Your instructions: Look through the records below for the line with "Cladding Band 40',$,$,$,$,$,$,.CLADDING.);" and the line with "#169=IFCMATERIALLAYERSET((#168),'CW System 3", then return those lines and all lines between, exactly.

---------------

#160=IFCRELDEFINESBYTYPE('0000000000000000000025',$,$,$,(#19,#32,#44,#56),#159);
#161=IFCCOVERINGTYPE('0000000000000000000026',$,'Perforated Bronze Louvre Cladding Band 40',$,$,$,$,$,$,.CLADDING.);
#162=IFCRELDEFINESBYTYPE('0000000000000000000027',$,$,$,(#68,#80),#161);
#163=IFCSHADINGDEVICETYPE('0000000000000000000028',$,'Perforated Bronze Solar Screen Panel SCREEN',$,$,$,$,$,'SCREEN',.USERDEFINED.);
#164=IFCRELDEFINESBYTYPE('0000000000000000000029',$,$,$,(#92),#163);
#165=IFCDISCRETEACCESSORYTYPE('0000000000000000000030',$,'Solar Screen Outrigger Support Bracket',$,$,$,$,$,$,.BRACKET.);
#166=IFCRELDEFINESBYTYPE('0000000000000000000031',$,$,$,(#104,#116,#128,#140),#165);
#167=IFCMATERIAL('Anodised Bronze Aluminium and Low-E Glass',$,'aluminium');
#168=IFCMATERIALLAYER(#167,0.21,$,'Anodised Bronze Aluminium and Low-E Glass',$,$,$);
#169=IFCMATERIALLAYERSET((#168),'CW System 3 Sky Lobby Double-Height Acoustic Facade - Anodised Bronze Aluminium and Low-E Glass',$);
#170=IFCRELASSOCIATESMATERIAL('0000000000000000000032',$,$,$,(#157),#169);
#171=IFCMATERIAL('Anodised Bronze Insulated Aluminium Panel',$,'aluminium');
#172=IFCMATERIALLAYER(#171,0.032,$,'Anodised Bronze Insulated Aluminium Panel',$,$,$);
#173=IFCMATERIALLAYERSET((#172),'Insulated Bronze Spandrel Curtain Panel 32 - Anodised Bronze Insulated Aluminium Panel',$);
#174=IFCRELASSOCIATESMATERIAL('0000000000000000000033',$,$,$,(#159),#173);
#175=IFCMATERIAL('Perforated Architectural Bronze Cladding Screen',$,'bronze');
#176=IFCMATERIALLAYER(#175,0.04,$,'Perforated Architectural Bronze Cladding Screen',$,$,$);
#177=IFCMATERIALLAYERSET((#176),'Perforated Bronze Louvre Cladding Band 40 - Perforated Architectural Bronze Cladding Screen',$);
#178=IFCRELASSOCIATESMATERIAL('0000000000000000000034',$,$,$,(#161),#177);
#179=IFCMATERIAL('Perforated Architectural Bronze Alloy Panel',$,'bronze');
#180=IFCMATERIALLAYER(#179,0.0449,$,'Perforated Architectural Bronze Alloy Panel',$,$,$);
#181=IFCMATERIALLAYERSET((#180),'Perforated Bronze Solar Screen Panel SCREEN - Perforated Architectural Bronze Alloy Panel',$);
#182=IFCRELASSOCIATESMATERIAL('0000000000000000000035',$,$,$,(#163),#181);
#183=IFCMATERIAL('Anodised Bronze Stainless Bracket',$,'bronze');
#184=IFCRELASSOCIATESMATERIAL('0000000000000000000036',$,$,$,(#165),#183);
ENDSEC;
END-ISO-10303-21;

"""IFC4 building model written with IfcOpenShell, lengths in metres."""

---------------

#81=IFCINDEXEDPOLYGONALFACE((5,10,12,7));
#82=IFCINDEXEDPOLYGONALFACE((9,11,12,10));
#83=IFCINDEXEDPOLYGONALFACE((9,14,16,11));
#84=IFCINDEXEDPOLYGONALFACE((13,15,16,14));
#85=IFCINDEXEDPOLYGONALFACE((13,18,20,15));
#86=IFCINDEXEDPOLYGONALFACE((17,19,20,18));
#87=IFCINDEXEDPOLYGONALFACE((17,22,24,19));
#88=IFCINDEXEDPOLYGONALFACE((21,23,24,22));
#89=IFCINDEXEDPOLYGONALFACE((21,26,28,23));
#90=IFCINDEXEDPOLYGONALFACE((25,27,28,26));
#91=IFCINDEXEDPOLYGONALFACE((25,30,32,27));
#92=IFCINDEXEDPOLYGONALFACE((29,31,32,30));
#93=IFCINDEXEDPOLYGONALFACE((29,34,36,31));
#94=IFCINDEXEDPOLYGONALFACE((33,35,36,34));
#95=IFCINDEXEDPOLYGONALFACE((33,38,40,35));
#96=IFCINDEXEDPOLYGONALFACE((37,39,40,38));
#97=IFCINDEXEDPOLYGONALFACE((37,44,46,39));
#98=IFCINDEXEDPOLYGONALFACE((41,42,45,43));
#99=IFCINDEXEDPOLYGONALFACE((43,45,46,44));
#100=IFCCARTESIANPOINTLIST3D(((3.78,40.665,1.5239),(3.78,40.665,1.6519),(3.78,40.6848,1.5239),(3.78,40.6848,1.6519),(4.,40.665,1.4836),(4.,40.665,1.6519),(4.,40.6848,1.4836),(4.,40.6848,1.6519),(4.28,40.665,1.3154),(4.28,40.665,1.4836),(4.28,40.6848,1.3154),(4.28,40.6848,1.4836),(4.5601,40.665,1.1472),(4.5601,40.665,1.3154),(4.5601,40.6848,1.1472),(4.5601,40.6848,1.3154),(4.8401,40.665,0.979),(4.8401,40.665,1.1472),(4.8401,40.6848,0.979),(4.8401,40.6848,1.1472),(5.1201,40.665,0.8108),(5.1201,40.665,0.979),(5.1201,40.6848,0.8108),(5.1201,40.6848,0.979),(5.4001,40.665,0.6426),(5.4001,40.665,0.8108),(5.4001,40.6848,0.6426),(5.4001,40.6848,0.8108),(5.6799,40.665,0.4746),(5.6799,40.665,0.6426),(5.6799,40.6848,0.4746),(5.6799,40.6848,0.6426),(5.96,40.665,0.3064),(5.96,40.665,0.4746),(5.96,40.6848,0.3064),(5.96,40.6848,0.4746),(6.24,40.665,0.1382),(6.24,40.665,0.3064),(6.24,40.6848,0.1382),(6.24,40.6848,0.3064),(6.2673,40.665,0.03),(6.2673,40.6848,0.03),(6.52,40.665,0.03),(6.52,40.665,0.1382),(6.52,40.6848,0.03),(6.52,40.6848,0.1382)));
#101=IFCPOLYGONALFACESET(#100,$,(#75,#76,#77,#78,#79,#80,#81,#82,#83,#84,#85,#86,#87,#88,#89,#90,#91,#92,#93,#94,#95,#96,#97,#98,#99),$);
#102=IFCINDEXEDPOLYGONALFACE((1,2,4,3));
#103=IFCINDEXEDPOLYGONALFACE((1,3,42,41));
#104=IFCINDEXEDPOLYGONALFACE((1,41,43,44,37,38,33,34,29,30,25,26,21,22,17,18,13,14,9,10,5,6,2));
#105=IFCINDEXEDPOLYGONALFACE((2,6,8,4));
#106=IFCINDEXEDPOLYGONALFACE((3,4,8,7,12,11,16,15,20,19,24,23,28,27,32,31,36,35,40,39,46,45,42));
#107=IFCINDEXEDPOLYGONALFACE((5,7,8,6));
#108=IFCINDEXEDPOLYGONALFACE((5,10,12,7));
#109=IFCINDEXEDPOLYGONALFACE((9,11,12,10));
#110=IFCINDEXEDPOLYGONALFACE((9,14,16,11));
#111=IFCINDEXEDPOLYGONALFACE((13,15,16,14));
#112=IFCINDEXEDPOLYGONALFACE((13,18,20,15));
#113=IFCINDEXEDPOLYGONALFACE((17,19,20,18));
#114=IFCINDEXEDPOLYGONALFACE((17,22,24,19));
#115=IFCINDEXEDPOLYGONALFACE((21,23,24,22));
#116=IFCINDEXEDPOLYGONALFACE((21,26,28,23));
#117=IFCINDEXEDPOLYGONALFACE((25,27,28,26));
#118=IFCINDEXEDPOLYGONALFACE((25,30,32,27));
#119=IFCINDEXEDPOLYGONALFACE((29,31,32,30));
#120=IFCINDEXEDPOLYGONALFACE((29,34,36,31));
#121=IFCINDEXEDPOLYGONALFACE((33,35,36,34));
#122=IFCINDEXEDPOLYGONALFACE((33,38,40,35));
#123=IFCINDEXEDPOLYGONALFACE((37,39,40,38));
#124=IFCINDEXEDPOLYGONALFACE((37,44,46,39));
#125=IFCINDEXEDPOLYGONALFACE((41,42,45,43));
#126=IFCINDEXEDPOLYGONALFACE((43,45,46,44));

---------------

Written answer:
#161=IFCCOVERINGTYPE('0000000000000000000026',$,'Perforated Bronze Louvre Cladding Band 40',$,$,$,$,$,$,.CLADDING.);
#162=IFCRELDEFINESBYTYPE('0000000000000000000027',$,$,$,(#68,#80),#161);
#163=IFCSHADINGDEVICETYPE('0000000000000000000028',$,'Perforated Bronze Solar Screen Panel SCREEN',$,$,$,$,$,'SCREEN',.USERDEFINED.);
#164=IFCRELDEFINESBYTYPE('0000000000000000000029',$,$,$,(#92),#163);
#165=IFCDISCRETEACCESSORYTYPE('0000000000000000000030',$,'Solar Screen Outrigger Support Bracket',$,$,$,$,$,$,.BRACKET.);
#166=IFCRELDEFINESBYTYPE('0000000000000000000031',$,$,$,(#104,#116,#128,#140),#165);
#167=IFCMATERIAL('Anodised Bronze Aluminium and Low-E Glass',$,'aluminium');
#168=IFCMATERIALLAYER(#167,0.21,$,'Anodised Bronze Aluminium and Low-E Glass',$,$,$);
#169=IFCMATERIALLAYERSET((#168),'CW System 3 Sky Lobby Double-Height Acoustic Facade - Anodised Bronze Aluminium and Low-E Glass',$);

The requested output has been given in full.